━━━━━ RECORDS FOR PROCESSING

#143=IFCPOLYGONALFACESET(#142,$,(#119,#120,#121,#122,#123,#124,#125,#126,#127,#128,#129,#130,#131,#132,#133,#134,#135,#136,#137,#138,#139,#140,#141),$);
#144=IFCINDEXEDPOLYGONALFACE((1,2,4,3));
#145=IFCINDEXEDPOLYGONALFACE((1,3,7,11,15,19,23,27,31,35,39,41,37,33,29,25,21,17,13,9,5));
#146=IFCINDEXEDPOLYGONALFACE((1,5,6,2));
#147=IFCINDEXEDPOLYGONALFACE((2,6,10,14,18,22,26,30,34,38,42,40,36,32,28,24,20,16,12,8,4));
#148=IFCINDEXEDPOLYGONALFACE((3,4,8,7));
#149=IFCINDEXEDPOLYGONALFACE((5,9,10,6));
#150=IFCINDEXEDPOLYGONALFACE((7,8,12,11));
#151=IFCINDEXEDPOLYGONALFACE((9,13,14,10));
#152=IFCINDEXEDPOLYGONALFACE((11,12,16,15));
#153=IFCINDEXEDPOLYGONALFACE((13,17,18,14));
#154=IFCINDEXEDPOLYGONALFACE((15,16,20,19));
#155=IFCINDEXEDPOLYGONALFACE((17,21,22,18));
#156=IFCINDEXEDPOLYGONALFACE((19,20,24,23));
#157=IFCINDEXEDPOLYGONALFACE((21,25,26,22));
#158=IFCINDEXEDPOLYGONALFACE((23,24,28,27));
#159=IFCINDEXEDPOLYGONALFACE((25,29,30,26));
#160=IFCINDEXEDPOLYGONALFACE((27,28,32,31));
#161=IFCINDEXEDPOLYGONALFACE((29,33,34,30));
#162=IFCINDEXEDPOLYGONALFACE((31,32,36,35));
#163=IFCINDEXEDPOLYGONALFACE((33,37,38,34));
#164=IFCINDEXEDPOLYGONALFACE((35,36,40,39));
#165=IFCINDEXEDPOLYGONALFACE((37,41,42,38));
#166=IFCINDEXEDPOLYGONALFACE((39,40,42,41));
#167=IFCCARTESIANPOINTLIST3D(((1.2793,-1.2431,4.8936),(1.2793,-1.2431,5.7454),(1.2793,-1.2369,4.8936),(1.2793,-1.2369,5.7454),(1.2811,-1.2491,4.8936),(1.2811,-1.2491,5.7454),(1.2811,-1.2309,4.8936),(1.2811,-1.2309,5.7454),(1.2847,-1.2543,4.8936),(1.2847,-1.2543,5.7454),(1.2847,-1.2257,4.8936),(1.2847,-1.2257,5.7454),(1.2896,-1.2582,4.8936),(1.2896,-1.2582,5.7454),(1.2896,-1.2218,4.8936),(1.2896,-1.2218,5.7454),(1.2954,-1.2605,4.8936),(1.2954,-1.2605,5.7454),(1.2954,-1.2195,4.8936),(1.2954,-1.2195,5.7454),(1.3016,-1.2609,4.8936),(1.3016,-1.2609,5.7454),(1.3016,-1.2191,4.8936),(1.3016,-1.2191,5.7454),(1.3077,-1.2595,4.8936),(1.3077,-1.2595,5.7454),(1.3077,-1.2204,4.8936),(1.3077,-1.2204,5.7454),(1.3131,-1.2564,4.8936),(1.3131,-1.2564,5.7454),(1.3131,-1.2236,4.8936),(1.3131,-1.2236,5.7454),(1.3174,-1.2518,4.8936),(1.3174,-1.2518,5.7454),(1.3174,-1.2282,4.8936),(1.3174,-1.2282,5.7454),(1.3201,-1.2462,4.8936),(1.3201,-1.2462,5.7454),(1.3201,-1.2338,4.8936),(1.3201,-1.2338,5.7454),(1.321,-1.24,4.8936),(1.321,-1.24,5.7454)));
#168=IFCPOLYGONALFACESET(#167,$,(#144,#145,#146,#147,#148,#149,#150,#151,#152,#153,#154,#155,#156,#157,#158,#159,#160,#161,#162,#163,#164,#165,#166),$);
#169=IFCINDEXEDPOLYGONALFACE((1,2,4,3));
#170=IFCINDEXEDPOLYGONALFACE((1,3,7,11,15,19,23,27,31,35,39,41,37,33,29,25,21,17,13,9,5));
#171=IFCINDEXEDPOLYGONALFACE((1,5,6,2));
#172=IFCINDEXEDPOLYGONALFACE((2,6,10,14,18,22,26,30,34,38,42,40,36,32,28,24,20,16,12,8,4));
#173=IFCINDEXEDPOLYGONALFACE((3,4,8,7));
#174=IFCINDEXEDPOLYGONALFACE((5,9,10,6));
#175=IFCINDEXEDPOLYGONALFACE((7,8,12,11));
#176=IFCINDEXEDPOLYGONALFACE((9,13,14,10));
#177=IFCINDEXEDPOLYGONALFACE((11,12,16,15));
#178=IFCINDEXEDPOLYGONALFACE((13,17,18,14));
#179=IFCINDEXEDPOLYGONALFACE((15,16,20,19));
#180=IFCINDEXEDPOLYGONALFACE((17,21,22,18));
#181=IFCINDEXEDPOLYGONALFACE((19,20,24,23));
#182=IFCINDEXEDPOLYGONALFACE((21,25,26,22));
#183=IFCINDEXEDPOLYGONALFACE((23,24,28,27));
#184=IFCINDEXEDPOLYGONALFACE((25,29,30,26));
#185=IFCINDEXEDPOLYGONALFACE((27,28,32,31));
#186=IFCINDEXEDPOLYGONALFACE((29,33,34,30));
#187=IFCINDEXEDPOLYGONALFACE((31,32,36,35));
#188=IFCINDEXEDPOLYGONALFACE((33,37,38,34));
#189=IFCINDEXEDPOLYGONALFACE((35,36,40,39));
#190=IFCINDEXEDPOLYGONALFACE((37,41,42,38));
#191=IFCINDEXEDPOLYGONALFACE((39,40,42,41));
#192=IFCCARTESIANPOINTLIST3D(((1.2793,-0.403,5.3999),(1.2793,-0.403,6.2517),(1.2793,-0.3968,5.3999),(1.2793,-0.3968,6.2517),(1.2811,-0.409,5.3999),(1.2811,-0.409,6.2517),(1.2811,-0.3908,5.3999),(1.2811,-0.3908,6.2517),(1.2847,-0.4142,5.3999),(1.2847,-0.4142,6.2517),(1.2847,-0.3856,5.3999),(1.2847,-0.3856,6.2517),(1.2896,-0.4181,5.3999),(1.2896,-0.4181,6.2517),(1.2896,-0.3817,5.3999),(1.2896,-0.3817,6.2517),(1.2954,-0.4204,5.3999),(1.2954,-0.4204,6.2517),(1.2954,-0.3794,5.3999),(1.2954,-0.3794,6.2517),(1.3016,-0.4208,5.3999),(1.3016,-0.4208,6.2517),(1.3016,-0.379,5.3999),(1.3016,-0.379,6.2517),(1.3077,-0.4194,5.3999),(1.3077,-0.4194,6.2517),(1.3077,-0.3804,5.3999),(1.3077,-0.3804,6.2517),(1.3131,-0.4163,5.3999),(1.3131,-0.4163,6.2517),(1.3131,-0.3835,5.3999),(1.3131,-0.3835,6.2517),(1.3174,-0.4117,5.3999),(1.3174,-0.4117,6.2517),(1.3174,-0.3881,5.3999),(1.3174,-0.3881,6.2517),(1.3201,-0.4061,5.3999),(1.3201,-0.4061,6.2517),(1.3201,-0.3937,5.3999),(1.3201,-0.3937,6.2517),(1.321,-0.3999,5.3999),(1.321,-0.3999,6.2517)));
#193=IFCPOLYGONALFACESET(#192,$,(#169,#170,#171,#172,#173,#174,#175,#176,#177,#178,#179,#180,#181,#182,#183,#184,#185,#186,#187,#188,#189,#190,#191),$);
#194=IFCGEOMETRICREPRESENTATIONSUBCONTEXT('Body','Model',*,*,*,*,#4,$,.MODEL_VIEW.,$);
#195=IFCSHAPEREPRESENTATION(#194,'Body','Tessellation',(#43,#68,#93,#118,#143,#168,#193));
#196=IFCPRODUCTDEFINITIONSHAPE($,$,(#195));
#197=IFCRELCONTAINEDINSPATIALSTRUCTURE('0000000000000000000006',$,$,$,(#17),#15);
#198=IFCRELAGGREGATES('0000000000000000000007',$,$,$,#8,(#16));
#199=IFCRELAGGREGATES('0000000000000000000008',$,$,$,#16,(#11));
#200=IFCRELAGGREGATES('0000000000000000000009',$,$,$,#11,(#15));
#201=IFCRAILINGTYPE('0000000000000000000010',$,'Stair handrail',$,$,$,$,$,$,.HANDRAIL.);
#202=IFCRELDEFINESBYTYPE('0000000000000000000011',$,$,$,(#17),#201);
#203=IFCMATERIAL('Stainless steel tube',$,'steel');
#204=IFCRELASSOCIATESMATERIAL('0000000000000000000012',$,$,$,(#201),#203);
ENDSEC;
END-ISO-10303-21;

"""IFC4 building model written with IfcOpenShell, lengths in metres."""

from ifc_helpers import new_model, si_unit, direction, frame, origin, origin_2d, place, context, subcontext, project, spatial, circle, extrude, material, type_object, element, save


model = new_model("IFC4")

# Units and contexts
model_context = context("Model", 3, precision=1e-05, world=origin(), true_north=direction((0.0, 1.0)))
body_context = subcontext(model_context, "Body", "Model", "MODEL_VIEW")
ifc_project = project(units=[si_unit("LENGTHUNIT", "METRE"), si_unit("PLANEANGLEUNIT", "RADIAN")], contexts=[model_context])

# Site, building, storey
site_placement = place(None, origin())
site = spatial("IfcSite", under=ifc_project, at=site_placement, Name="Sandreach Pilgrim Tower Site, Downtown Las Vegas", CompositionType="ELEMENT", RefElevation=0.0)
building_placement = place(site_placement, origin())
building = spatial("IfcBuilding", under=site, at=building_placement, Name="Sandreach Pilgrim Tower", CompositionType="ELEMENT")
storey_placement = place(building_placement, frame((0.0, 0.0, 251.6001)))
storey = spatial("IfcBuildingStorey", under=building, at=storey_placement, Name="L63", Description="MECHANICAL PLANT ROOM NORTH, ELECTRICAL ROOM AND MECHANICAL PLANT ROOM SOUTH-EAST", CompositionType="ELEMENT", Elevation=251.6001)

━━━━━━━━━━

Once you reach the line with "#156=IFCINDEXEDPOLYGONALFACE((19,20,24,23));" in the data above, copy it and every line after it exactly, up to and including the line with "#171=IFCINDEXEDPOLYGONALFACE((1,5,6,2));".

#### ANSWER BOX
#156=IFCINDEXEDPOLYGONALFACE((19,20,24,23));
#157=IFCINDEXEDPOLYGONALFACE((21,25,26,22));
#158=IFCINDEXEDPOLYGONALFACE((23,24,28,27));
#159=IFCINDEXEDPOLYGONALFACE((25,29,30,26));
#160=IFCINDEXEDPOLYGONALFACE((27,28,32,31));
#161=IFCINDEXEDPOLYGONALFACE((29,33,34,30));
#162=IFCINDEXEDPOLYGONALFACE((31,32,36,35));
#163=IFCINDEXEDPOLYGONALFACE((33,37,38,34));
#164=IFCINDEXEDPOLYGONALFACE((35,36,40,39));
#165=IFCINDEXEDPOLYGONALFACE((37,41,42,38));
#166=IFCINDEXEDPOLYGONALFACE((39,40,42,41));
#167=IFCCARTESIANPOINTLIST3D(((1.2793,-1.2431,4.8936),(1.2793,-1.2431,5.7454),(1.2793,-1.2369,4.8936),(1.2793,-1.2369,5.7454),(1.2811,-1.2491,4.8936),(1.2811,-1.2491,5.7454),(1.2811,-1.2309,4.8936),(1.2811,-1.2309,5.7454),(1.2847,-1.2543,4.8936),(1.2847,-1.2543,5.7454),(1.2847,-1.2257,4.8936),(1.2847,-1.2257,5.7454),(1.2896,-1.2582,4.8936),(1.2896,-1.2582,5.7454),(1.2896,-1.2218,4.8936),(1.2896,-1.2218,5.7454),(1.2954,-1.2605,4.8936),(1.2954,-1.2605,5.7454),(1.2954,-1.2195,4.8936),(1.2954,-1.2195,5.7454),(1.3016,-1.2609,4.8936),(1.3016,-1.2609,5.7454),(1.3016,-1.2191,4.8936),(1.3016,-1.2191,5.7454),(1.3077,-1.2595,4.8936),(1.3077,-1.2595,5.7454),(1.3077,-1.2204,4.8936),(1.3077,-1.2204,5.7454),(1.3131,-1.2564,4.8936),(1.3131,-1.2564,5.7454),(1.3131,-1.2236,4.8936),(1.3131,-1.2236,5.7454),(1.3174,-1.2518,4.8936),(1.3174,-1.2518,5.7454),(1.3174,-1.2282,4.8936),(1.3174,-1.2282,5.7454),(1.3201,-1.2462,4.8936),(1.3201,-1.2462,5.7454),(1.3201,-1.2338,4.8936),(1.3201,-1.2338,5.7454),(1.321,-1.24,4.8936),(1.321,-1.24,5.7454)));
#168=IFCPOLYGONALFACESET(#167,$,(#144,#145,#146,#147,#148,#149,#150,#151,#152,#153,#154,#155,#156,#157,#158,#159,#160,#161,#162,#163,#164,#165,#166),$);
#169=IFCINDEXEDPOLYGONALFACE((1,2,4,3));
#170=IFCINDEXEDPOLYGONALFACE((1,3,7,11,15,19,23,27,31,35,39,41,37,33,29,25,21,17,13,9,5));
#171=IFCINDEXEDPOLYGONALFACE((1,5,6,2));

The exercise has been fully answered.